(Input records Opens)
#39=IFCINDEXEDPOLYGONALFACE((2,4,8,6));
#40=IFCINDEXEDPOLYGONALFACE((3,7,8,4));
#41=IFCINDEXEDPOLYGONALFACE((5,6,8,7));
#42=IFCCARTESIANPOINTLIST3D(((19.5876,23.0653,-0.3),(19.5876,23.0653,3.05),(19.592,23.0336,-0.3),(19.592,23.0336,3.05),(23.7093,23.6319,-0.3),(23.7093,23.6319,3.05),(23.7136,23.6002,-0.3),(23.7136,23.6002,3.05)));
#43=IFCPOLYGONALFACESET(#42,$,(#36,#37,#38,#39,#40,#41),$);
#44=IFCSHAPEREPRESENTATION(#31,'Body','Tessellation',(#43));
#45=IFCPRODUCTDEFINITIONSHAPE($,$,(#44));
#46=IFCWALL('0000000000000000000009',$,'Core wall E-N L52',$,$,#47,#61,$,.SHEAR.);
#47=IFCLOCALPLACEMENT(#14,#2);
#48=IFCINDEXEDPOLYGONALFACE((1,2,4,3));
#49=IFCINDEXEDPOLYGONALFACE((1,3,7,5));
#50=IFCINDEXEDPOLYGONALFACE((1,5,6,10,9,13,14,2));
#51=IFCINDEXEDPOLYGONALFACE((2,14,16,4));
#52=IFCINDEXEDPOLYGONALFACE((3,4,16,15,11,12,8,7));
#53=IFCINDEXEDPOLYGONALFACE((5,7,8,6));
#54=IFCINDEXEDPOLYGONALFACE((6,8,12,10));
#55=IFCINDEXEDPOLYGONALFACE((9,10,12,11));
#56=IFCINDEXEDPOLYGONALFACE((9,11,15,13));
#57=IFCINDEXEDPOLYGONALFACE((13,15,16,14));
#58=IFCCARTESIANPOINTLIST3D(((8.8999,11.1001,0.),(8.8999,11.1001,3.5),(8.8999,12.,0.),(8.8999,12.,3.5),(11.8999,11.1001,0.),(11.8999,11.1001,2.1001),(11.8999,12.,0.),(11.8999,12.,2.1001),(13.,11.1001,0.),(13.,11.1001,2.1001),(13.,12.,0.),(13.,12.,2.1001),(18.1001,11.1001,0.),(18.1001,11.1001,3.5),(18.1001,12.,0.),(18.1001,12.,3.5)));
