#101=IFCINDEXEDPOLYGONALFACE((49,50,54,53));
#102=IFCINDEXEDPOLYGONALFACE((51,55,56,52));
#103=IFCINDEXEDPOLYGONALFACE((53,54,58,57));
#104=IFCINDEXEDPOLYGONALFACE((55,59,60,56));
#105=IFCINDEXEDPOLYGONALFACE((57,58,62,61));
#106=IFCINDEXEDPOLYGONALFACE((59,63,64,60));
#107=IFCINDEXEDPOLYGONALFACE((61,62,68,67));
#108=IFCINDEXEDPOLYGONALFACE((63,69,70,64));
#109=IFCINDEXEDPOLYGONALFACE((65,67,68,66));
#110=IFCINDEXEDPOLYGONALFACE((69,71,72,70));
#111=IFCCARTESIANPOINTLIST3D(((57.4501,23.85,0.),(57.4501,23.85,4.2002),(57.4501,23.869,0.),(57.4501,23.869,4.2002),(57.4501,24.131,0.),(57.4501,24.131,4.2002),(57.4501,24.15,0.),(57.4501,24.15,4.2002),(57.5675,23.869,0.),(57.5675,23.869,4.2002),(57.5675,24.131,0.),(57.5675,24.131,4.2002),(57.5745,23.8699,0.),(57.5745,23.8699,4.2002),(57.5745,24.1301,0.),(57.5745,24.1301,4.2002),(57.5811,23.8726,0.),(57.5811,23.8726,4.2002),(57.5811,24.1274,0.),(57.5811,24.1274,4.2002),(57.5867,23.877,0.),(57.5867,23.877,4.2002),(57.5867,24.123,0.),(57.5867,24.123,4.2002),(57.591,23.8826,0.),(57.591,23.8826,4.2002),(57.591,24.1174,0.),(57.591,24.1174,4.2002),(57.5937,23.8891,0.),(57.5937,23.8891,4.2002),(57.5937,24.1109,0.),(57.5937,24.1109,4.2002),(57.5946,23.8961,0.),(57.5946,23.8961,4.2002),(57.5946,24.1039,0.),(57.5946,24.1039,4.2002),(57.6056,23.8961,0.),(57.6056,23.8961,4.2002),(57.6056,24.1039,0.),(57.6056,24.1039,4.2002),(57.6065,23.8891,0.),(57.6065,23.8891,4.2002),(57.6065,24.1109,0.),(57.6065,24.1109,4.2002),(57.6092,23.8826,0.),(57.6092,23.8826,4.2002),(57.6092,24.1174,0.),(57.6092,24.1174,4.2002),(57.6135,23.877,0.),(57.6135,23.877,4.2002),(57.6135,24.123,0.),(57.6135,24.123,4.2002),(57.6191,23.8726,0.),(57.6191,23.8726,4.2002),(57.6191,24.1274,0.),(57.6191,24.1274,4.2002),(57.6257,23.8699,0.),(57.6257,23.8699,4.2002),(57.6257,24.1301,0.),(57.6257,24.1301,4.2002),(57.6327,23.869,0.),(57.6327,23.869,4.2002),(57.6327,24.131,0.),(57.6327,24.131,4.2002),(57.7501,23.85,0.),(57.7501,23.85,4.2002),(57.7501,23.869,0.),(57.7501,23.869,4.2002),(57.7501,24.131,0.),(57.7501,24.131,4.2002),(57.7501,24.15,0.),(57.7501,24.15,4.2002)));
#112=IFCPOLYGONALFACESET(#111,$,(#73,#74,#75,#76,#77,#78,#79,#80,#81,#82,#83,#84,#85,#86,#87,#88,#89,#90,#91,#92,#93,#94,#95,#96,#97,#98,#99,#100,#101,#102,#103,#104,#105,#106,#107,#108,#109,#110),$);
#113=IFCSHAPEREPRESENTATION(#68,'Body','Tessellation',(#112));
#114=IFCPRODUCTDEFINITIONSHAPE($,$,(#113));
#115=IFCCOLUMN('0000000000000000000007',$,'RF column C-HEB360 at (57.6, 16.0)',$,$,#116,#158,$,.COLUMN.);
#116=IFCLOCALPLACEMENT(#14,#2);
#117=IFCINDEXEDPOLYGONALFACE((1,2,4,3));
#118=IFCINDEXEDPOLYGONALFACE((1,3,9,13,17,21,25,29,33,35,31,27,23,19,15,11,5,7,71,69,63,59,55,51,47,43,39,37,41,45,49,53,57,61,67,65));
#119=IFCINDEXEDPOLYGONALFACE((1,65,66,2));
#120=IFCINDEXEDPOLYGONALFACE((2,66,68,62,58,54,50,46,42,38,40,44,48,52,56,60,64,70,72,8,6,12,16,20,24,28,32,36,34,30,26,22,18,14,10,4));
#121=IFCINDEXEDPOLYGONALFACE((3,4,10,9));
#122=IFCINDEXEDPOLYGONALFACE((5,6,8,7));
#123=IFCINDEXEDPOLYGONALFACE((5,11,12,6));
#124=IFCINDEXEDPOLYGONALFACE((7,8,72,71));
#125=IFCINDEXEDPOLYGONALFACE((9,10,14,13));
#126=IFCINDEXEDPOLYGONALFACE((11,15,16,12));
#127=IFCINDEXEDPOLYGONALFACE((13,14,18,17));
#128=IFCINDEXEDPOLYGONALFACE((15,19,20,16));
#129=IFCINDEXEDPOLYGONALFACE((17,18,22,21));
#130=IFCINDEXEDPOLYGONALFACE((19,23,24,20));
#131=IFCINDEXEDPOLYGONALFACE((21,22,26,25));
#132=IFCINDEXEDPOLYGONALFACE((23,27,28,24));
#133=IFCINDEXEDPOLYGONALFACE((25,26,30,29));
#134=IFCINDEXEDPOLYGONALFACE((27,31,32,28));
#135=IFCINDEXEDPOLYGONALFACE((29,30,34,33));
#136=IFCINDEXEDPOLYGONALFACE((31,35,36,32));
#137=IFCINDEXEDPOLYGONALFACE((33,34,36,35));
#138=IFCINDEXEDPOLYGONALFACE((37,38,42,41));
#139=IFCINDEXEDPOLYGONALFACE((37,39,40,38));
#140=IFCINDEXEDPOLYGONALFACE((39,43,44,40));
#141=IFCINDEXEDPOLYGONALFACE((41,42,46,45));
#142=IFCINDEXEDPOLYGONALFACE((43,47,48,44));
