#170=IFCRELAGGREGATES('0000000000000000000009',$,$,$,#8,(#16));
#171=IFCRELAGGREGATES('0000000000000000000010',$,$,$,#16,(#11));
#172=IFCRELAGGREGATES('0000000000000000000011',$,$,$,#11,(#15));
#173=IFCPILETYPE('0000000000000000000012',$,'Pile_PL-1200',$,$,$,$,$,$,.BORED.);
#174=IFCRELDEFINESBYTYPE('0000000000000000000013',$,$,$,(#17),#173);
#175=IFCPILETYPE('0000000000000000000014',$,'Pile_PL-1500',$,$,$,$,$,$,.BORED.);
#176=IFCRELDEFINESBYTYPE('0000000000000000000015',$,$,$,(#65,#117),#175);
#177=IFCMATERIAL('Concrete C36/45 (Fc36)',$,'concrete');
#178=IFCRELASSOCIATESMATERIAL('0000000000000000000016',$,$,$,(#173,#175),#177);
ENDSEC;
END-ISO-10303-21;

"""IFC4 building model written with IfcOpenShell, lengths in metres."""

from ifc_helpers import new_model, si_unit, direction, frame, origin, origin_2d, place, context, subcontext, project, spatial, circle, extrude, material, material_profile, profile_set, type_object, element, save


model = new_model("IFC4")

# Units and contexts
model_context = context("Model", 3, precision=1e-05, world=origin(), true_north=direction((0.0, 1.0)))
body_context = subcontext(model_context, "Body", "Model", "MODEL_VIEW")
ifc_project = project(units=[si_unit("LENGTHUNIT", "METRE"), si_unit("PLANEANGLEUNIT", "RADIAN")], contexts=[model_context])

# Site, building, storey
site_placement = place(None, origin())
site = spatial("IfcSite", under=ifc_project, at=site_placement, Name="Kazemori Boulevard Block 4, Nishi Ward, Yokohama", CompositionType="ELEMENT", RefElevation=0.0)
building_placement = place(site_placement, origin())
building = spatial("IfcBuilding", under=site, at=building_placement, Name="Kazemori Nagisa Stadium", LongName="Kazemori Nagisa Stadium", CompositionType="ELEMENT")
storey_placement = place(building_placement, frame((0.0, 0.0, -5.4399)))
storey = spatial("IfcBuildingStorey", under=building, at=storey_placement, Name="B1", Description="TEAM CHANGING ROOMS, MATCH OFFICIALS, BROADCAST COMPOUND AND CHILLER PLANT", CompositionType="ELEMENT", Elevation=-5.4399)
(Input records Closes)
→ **Problem requirements**:
With the first line being the one containing "#116=IFCLOCALPLACEMENT(#14,#2);" and the last line the one containing "#119=IFCINDEXEDPOLYGONALFACE((1,65,66,2));", transcribe exactly the lines above that fall in that range.

→ **Solution**:
#116=IFCLOCALPLACEMENT(#14,#2);
#117=IFCINDEXEDPOLYGONALFACE((1,2,4,3));
#118=IFCINDEXEDPOLYGONALFACE((1,3,9,13,17,21,25,29,33,35,31,27,23,19,15,11,5,7,71,69,63,59,55,51,47,43,39,37,41,45,49,53,57,61,67,65));
#119=IFCINDEXEDPOLYGONALFACE((1,65,66,2));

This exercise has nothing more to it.